• _Data section_
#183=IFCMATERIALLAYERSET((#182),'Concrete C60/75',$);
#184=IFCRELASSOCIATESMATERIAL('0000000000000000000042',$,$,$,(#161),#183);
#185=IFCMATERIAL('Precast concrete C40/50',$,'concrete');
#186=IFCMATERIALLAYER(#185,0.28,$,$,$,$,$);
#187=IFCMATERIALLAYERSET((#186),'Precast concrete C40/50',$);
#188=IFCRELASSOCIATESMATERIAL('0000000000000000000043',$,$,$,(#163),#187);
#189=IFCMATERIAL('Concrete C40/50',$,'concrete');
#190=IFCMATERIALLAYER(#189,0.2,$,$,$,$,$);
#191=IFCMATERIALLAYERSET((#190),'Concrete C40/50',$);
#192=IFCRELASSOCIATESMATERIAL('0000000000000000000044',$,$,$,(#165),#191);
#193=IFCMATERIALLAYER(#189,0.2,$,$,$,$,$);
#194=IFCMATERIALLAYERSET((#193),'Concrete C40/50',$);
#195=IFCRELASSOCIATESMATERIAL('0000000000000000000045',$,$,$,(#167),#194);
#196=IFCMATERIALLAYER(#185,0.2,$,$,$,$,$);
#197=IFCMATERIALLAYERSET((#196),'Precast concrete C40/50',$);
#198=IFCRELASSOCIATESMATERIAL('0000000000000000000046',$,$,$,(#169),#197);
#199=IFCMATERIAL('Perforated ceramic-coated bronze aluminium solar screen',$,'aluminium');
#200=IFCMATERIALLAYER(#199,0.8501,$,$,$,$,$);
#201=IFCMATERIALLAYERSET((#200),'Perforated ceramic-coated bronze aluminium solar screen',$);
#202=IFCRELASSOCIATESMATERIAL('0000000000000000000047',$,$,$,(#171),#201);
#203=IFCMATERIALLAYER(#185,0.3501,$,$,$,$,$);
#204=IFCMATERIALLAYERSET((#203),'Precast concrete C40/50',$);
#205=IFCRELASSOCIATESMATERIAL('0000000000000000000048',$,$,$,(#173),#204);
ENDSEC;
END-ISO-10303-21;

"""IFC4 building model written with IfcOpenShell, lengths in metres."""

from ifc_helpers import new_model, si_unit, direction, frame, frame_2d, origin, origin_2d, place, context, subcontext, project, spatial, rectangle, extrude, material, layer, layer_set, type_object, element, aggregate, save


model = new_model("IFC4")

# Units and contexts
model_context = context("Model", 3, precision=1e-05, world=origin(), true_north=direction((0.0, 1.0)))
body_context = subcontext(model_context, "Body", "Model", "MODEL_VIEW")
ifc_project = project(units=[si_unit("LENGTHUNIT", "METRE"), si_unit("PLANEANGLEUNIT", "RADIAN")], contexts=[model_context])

==

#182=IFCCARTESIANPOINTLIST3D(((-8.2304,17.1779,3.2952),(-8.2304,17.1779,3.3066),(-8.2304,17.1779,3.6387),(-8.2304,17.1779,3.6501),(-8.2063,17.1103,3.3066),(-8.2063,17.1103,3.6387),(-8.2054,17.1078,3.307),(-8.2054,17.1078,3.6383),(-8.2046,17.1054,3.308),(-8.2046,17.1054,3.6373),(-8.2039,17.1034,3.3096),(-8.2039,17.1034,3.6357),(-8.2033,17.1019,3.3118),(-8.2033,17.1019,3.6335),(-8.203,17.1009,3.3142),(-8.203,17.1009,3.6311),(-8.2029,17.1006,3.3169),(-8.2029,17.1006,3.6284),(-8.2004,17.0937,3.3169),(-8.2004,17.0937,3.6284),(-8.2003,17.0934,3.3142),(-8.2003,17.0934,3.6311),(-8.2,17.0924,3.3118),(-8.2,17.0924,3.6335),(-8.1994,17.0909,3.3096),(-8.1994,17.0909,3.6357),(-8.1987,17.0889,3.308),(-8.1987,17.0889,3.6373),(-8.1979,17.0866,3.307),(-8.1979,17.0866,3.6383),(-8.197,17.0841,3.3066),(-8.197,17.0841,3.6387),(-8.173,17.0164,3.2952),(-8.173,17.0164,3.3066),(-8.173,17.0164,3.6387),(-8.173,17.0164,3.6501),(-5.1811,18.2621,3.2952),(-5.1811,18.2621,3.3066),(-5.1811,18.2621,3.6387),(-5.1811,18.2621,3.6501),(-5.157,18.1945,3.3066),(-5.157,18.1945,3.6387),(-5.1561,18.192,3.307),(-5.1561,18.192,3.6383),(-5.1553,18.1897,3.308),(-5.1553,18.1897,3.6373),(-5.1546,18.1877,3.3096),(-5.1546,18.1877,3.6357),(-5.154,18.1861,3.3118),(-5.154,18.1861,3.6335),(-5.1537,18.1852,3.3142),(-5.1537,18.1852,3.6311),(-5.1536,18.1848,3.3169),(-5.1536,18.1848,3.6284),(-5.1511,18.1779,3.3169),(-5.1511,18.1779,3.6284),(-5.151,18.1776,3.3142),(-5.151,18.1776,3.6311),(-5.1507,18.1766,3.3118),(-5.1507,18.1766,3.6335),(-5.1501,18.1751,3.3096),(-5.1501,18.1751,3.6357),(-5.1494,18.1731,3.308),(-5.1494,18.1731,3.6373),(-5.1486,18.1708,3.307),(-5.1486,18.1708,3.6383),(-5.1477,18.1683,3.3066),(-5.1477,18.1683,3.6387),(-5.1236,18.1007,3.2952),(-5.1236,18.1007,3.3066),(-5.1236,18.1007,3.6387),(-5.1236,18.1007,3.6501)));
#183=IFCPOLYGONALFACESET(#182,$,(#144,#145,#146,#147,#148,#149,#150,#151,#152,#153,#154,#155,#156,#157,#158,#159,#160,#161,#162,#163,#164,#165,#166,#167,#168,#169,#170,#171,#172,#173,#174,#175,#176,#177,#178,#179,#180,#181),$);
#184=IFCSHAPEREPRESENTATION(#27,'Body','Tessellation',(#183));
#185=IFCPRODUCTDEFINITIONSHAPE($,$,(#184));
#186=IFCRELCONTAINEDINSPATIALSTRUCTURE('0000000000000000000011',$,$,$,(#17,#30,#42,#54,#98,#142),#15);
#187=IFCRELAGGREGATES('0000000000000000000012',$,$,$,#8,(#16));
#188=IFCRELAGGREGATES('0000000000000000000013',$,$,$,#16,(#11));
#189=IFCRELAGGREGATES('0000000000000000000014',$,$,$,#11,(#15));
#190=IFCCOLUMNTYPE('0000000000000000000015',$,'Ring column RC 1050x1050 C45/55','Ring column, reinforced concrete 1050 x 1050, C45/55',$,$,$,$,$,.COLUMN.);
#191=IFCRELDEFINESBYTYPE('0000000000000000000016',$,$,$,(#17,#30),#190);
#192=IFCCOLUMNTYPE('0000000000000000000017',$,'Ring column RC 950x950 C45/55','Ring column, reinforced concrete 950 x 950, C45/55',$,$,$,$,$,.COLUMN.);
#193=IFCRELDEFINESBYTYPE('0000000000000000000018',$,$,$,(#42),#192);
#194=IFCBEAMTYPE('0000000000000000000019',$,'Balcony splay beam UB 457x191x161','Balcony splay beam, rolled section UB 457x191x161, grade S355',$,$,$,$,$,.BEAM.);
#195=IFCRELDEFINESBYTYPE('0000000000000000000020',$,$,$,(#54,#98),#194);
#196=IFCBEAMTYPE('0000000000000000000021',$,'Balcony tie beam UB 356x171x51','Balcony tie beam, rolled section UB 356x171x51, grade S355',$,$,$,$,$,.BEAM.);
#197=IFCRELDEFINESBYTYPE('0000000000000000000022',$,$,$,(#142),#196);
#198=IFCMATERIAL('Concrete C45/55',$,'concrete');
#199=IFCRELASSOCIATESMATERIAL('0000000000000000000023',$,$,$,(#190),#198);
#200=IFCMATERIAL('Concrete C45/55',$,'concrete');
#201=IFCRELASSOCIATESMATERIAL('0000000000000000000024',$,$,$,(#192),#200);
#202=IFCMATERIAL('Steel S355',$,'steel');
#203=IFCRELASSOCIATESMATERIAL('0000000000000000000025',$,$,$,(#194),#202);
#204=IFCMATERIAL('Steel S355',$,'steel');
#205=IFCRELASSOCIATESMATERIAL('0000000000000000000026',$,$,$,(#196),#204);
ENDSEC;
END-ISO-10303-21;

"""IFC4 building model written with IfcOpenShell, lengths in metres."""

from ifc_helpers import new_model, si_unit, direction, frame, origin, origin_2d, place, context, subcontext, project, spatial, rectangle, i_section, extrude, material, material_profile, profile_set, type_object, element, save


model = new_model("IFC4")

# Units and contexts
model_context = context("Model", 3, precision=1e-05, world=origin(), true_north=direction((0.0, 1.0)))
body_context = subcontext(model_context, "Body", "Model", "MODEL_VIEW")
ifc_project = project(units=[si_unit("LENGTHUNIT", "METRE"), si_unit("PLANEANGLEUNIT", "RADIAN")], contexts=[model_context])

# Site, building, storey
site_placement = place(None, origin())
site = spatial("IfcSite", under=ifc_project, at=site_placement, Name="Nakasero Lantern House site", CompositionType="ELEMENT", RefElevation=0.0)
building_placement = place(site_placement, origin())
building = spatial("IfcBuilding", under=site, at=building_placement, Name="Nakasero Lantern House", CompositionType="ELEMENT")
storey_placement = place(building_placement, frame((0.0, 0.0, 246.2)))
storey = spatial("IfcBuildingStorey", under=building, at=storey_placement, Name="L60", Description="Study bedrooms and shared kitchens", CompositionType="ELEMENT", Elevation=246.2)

• _What is expected_
Every line of the material that holds "grade" should be copied out as the answer.

• _Result_
#194=IFCBEAMTYPE('0000000000000000000019',$,'Balcony splay beam UB 457x191x161','Balcony splay beam, rolled section UB 457x191x161, grade S355',$,$,$,$,$,.BEAM.);
#196=IFCBEAMTYPE('0000000000000000000021',$,'Balcony tie beam UB 356x171x51','Balcony tie beam, rolled section UB 356x171x51, grade S355',$,$,$,$,$,.BEAM.);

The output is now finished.